### TASK GOAL
The lines to be copied are those below that contain "anodised".

### Stored data
──────
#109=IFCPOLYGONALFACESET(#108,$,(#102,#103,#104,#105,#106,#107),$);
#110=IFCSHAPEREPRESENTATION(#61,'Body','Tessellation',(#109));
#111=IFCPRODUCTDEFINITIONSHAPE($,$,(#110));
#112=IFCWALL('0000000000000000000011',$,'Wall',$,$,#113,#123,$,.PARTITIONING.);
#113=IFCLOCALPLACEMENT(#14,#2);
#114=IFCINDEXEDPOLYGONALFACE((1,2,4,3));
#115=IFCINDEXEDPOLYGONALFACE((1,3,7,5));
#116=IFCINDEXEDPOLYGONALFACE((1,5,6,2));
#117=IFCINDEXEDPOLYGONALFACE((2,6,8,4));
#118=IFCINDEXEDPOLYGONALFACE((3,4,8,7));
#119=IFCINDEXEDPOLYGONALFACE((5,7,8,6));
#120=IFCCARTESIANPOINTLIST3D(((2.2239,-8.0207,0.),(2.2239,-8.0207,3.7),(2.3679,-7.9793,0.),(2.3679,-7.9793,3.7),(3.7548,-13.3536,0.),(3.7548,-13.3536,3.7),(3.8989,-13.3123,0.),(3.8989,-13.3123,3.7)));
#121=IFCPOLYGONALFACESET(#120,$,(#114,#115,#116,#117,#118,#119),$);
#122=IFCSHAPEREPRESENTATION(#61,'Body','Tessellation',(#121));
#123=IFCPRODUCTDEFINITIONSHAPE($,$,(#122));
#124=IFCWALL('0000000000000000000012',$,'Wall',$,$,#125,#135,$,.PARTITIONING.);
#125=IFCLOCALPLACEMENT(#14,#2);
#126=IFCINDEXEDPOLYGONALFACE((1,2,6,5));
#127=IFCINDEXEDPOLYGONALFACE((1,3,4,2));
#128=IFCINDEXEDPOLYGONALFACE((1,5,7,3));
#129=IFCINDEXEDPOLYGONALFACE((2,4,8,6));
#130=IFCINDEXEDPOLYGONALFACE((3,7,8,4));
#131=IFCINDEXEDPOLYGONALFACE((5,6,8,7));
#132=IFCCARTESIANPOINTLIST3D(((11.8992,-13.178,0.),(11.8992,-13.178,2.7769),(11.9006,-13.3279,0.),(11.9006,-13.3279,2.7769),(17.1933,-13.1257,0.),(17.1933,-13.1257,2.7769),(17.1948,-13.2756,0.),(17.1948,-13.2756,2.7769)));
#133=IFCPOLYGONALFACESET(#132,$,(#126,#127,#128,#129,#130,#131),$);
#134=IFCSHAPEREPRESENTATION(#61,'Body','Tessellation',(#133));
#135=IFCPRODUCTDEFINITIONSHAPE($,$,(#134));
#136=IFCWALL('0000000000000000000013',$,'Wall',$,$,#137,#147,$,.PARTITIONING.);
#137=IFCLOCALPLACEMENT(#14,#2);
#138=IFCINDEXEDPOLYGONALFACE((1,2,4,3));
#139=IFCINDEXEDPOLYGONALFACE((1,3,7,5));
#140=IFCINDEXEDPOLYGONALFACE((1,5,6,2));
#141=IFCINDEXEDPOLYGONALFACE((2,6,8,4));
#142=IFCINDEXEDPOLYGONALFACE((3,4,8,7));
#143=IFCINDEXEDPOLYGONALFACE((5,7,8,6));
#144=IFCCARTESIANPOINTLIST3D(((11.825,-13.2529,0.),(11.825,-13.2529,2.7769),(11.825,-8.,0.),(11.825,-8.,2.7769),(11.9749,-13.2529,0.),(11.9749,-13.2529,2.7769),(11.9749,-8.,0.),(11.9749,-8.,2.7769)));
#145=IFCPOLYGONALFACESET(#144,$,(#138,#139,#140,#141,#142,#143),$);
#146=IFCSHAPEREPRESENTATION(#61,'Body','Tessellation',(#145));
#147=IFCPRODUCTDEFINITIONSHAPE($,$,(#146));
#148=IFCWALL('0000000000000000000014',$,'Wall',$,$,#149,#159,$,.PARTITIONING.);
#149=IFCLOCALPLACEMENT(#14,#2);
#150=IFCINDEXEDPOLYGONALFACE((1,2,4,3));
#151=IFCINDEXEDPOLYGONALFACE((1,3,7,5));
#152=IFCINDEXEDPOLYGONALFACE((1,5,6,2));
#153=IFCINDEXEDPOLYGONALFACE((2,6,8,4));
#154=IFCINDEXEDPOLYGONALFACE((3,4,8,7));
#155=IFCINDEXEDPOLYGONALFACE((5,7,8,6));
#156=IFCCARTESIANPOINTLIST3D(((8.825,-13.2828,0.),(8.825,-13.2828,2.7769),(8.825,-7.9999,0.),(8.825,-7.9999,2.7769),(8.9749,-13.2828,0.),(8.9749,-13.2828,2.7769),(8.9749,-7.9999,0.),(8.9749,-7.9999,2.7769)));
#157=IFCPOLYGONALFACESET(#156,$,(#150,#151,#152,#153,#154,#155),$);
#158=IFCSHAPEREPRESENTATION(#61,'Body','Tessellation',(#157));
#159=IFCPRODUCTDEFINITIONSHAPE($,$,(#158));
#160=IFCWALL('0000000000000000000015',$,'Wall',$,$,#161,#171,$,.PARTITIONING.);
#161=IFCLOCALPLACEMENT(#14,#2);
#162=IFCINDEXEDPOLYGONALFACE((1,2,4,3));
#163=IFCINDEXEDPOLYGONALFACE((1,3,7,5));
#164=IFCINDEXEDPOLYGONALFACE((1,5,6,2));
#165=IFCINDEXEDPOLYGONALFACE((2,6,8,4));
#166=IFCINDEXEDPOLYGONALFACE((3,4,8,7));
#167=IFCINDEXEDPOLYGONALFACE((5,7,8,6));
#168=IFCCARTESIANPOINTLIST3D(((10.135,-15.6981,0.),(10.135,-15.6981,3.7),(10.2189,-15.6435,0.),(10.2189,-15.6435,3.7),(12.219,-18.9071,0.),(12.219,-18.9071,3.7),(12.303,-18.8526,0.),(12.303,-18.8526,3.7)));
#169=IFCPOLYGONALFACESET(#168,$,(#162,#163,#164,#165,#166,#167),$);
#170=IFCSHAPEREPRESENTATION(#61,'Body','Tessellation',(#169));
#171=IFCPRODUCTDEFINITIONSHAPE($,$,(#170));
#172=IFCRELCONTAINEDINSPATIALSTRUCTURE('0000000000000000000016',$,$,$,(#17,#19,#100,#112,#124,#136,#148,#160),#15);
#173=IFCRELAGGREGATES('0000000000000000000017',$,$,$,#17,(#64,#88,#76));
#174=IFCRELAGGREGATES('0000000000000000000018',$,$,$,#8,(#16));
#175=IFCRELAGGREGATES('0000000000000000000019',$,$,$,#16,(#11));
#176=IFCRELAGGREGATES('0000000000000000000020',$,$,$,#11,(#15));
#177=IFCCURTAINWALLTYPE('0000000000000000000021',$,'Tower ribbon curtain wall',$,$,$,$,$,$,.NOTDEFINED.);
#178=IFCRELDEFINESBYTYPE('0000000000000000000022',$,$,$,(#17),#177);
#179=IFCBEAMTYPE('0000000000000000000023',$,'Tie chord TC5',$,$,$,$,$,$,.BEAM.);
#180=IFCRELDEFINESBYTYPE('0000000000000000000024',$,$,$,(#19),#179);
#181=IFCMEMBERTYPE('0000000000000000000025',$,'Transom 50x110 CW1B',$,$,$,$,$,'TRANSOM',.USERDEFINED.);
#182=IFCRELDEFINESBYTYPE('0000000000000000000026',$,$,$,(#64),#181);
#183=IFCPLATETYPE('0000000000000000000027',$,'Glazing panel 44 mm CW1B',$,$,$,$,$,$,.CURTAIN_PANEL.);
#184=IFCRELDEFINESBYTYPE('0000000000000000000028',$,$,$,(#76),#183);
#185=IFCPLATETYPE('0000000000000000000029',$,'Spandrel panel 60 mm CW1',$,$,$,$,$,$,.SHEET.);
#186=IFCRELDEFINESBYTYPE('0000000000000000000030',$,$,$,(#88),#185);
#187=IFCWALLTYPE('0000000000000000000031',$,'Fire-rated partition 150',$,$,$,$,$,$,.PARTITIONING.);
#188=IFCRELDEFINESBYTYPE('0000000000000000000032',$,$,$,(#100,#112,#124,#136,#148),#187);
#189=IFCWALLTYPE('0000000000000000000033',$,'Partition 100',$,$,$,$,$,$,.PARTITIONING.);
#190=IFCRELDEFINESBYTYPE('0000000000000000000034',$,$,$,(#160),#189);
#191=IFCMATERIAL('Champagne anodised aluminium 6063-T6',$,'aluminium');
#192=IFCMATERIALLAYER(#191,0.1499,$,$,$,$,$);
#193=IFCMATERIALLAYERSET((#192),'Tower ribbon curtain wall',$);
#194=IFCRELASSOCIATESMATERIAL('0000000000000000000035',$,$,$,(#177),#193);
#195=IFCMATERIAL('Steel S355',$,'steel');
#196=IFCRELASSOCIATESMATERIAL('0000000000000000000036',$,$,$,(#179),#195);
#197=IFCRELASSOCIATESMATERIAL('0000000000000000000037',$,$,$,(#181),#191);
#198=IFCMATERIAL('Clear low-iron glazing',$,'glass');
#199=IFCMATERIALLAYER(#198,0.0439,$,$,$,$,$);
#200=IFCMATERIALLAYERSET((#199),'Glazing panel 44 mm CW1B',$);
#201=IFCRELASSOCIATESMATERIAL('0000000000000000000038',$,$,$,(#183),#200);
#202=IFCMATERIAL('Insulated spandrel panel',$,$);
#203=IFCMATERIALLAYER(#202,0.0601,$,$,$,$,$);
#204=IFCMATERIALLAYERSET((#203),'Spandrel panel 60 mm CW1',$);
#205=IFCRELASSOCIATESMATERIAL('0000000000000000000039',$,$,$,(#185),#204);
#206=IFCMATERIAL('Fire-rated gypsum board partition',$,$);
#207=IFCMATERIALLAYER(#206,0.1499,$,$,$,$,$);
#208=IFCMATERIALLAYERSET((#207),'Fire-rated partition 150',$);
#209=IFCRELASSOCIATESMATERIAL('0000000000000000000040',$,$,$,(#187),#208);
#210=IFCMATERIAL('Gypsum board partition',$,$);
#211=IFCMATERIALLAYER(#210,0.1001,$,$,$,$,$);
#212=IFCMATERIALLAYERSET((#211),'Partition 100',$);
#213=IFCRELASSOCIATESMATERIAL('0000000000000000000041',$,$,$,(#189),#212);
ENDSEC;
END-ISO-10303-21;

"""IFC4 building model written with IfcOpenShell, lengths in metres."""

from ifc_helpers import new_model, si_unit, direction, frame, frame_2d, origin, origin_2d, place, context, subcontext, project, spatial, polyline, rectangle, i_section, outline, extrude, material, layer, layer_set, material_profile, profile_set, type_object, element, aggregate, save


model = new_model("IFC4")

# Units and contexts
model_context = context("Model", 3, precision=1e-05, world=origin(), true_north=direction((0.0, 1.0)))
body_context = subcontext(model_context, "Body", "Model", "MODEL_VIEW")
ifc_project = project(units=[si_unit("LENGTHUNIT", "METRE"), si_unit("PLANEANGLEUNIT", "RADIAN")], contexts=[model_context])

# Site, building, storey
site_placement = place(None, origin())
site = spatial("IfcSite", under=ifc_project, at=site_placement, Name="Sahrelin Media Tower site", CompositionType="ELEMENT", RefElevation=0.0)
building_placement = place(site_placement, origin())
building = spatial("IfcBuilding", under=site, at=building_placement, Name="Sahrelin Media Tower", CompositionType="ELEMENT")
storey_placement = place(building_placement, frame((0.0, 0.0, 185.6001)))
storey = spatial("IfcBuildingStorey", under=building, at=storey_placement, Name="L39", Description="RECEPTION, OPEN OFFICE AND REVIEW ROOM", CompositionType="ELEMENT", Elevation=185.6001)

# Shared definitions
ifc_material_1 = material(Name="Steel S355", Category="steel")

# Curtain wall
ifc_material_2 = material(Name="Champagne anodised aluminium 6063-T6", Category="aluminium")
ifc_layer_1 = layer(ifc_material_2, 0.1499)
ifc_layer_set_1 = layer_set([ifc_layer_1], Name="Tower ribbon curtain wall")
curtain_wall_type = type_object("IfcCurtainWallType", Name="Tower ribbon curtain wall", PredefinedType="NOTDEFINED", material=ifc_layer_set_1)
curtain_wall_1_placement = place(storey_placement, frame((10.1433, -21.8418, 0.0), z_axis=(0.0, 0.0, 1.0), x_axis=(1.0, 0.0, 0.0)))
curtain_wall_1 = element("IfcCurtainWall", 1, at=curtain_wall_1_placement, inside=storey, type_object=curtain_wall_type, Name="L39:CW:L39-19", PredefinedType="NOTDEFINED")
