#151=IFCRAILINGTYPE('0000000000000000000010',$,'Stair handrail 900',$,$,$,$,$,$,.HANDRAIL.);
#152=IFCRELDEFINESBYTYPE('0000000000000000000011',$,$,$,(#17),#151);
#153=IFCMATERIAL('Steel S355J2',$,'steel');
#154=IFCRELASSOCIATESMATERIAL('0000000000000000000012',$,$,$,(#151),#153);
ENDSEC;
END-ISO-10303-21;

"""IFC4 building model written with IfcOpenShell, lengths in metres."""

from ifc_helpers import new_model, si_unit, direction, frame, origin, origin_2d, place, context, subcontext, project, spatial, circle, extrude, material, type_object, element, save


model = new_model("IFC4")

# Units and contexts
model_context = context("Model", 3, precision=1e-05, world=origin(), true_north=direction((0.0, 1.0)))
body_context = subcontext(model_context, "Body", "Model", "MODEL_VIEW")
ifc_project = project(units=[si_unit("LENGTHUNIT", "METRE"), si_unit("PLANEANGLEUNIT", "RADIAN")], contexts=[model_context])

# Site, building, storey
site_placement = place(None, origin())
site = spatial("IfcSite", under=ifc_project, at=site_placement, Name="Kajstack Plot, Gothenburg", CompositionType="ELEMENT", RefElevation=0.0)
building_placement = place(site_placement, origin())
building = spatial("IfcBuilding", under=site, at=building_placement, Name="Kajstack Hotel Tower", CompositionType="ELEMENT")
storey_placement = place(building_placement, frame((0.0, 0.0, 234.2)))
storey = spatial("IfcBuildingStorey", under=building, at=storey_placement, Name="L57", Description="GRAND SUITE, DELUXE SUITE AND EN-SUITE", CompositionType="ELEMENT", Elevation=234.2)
──────
### PROBLEM SOLUTION
#191=IFCMATERIAL('Champagne anodised aluminium 6063-T6',$,'aluminium');
ifc_material_2 = material(Name="Champagne anodised aluminium 6063-T6", Category="aluminium")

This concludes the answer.